==== SOURCE DATA ====

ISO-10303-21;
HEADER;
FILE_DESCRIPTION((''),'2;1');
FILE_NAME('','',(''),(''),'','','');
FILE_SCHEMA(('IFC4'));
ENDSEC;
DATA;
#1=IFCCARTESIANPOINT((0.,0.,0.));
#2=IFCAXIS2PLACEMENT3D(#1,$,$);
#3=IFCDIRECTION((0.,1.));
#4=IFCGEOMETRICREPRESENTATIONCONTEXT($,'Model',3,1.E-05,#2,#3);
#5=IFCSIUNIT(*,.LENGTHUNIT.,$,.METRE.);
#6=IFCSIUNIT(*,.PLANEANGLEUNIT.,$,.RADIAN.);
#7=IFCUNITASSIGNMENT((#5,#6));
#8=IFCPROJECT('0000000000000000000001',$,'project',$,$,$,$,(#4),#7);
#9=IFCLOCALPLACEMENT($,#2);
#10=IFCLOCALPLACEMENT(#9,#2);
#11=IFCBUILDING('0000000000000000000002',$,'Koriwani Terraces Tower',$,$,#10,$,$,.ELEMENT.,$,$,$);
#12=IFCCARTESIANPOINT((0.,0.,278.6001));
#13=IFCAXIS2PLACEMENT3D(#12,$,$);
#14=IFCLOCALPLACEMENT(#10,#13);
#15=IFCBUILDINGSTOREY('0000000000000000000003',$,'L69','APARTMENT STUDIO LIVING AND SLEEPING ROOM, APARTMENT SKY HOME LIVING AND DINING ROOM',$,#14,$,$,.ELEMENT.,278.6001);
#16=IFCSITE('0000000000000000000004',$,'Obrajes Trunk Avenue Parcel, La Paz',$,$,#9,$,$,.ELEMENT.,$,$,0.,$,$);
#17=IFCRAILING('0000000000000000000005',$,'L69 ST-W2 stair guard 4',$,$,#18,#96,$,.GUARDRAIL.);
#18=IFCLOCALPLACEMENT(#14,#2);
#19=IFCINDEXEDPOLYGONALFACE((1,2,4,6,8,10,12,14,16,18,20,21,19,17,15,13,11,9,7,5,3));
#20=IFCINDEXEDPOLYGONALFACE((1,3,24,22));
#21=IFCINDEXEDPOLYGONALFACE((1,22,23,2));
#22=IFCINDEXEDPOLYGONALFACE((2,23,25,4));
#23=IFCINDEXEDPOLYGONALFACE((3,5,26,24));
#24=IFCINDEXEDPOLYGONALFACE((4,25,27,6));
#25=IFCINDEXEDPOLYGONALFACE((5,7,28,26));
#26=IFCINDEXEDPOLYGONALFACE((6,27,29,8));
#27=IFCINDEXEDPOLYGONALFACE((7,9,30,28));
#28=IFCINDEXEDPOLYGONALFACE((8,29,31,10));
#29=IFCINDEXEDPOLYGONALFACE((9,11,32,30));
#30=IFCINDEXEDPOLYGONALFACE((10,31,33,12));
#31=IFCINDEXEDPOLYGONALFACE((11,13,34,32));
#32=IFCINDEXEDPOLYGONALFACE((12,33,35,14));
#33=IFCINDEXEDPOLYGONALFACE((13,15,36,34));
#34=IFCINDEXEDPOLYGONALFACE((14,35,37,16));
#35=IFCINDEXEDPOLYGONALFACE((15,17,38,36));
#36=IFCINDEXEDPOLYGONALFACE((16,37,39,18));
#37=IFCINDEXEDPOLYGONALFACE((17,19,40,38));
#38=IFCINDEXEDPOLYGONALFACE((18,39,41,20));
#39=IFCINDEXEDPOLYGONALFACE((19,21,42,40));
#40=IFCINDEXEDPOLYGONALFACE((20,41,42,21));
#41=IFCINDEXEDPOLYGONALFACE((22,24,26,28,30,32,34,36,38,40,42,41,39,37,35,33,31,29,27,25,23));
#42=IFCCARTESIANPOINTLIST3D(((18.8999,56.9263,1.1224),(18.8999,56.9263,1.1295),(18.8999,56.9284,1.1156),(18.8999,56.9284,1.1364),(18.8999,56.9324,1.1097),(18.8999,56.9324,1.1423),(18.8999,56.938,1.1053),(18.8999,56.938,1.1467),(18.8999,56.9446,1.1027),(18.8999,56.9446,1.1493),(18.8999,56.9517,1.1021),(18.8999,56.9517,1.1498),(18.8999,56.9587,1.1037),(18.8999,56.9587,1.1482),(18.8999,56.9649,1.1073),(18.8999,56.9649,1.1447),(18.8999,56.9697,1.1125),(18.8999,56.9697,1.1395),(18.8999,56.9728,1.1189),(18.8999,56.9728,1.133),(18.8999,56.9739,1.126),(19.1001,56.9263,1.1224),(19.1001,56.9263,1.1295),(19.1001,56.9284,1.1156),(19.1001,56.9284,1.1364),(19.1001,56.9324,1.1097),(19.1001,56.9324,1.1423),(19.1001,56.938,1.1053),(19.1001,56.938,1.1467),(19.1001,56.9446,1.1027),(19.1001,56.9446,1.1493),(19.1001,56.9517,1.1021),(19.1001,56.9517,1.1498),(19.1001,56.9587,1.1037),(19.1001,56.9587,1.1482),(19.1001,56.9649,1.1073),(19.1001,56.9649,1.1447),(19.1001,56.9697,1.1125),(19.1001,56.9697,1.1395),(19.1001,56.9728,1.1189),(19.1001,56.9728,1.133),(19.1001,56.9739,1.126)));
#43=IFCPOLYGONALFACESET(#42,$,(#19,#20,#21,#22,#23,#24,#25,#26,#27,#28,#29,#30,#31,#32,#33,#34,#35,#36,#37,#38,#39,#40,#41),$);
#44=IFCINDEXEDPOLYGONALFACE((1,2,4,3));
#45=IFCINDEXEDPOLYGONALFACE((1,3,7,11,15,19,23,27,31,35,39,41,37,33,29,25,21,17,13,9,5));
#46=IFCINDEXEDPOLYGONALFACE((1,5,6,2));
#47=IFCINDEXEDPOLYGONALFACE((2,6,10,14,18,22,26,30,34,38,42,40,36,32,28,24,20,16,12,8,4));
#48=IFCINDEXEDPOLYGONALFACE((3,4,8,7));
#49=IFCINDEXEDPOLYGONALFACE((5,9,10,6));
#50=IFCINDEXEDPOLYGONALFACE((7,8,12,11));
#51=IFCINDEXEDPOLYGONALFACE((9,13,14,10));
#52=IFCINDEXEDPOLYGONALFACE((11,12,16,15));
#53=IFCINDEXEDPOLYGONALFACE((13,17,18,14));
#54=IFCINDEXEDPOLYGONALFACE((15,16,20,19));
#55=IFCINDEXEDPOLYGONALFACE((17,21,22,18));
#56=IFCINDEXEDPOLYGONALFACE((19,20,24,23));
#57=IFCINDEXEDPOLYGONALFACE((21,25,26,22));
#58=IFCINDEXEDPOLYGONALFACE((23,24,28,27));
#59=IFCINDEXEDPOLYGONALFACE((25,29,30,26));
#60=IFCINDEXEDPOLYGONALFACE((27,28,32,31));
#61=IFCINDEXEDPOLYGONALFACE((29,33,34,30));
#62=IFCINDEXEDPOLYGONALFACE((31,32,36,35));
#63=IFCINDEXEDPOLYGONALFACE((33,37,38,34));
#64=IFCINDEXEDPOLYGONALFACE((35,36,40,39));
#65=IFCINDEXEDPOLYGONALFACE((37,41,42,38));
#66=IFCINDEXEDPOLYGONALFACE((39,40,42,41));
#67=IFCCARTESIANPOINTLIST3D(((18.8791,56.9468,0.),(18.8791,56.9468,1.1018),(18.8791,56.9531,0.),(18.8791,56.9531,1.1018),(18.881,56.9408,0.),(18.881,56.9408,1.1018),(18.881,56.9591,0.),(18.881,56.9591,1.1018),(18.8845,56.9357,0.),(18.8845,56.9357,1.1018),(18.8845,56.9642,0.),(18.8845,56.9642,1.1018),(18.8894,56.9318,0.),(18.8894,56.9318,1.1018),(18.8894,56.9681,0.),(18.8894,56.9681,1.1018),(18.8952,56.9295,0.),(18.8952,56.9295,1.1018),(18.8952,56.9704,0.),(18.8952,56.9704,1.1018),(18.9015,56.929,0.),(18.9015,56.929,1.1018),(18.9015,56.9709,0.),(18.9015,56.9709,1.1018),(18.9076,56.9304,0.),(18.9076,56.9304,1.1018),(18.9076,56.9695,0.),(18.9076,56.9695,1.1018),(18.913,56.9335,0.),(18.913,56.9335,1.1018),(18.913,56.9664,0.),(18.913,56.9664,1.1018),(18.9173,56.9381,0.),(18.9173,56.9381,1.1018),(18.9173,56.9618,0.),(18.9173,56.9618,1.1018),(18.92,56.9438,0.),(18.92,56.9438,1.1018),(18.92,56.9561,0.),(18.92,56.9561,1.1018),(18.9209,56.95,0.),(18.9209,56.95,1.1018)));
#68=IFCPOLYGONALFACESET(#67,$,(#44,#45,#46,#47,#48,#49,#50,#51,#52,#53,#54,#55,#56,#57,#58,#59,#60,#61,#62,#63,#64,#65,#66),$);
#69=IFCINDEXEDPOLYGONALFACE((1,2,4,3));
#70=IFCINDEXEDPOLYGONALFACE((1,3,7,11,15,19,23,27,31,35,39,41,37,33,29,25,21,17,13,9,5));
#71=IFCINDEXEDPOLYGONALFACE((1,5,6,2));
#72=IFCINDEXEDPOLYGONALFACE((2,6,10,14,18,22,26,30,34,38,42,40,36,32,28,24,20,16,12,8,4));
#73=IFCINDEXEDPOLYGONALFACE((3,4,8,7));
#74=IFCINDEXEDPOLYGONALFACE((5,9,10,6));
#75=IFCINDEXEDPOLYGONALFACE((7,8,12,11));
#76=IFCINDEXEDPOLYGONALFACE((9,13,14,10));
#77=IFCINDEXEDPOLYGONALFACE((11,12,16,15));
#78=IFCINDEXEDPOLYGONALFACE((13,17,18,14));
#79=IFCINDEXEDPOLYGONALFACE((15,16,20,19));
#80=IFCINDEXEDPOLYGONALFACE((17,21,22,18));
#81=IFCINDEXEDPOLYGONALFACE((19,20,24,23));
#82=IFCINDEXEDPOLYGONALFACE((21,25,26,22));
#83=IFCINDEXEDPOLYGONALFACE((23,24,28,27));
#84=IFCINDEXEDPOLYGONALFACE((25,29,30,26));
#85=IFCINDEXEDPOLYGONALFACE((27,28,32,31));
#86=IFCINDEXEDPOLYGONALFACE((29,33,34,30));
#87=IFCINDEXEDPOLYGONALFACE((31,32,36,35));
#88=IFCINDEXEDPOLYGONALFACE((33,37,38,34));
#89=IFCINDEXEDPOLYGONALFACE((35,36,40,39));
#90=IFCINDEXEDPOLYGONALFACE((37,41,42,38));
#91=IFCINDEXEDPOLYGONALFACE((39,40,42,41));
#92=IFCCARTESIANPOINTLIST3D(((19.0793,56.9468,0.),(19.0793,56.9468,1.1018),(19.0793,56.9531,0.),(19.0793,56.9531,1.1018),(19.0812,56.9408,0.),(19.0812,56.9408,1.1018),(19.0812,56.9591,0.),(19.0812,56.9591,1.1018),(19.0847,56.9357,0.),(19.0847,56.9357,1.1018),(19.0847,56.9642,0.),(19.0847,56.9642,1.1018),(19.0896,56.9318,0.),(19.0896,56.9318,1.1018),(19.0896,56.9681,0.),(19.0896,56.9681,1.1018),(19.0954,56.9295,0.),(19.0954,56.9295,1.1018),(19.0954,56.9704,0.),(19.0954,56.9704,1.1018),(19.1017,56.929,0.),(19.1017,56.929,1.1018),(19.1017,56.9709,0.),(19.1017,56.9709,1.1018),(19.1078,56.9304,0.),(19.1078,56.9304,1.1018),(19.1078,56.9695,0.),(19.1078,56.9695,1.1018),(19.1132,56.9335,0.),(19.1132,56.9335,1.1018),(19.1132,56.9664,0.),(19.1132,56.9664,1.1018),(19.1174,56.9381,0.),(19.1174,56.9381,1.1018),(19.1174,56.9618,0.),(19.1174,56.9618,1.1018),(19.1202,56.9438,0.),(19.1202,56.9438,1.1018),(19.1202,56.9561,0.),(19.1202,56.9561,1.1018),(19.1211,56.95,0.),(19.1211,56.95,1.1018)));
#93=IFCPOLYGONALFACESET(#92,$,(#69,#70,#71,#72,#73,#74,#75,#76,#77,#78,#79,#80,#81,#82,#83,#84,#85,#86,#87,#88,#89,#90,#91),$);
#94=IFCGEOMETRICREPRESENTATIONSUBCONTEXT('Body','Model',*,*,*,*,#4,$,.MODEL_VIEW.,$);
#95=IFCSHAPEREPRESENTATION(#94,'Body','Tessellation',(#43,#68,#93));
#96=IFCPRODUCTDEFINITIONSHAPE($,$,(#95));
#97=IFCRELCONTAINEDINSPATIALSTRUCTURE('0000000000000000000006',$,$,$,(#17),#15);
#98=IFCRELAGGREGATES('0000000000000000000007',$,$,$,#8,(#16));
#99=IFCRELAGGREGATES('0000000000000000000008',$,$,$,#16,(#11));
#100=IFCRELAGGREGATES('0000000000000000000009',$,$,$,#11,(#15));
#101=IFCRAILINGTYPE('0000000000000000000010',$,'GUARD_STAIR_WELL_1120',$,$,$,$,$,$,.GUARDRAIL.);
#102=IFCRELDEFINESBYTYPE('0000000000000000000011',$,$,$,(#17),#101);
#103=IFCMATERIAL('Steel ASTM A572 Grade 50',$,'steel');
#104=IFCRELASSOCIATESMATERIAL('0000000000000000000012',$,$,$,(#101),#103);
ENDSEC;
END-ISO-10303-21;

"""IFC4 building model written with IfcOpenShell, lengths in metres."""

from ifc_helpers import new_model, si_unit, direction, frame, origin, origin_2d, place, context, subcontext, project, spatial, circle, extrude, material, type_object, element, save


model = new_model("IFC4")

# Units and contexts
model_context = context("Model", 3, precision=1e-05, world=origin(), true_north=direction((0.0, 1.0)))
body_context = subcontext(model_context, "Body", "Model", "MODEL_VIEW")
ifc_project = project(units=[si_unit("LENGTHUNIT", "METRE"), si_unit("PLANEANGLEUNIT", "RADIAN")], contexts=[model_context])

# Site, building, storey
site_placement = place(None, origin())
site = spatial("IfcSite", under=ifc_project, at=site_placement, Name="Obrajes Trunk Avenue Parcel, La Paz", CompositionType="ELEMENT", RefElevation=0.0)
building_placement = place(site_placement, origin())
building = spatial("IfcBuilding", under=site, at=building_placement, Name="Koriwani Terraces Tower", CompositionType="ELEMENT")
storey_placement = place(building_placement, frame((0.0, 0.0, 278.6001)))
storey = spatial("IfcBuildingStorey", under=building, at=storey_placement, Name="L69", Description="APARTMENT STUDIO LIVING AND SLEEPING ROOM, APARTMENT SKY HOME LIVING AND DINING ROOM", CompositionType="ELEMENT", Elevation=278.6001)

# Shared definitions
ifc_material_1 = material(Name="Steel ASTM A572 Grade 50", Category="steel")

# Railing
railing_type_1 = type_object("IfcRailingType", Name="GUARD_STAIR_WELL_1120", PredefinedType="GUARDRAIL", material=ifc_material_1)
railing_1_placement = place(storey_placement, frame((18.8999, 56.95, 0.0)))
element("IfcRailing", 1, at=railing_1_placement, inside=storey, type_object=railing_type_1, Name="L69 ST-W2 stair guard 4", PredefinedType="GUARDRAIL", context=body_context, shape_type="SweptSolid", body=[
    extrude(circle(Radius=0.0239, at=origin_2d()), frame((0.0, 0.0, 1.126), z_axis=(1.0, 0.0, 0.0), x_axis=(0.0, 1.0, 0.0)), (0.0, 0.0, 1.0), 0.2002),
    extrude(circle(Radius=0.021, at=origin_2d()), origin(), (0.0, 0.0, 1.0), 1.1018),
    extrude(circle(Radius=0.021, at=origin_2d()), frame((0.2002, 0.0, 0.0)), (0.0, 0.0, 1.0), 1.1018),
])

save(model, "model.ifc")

====

§ **EXERCISE DIRECTIONS**
Reprint exactly the lines above that start at the one with "#30=IFCINDEXEDPOLYGONALFACE((10,31,33,12));" and end at the one with "#37=IFCINDEXEDPOLYGONALFACE((17,19,40,38));", keeping both and adding none.

§ **TASK RESULT**
#30=IFCINDEXEDPOLYGONALFACE((10,31,33,12));
#31=IFCINDEXEDPOLYGONALFACE((11,13,34,32));
#32=IFCINDEXEDPOLYGONALFACE((12,33,35,14));
#33=IFCINDEXEDPOLYGONALFACE((13,15,36,34));
#34=IFCINDEXEDPOLYGONALFACE((14,35,37,16));
#35=IFCINDEXEDPOLYGONALFACE((15,17,38,36));
#36=IFCINDEXEDPOLYGONALFACE((16,37,39,18));
#37=IFCINDEXEDPOLYGONALFACE((17,19,40,38));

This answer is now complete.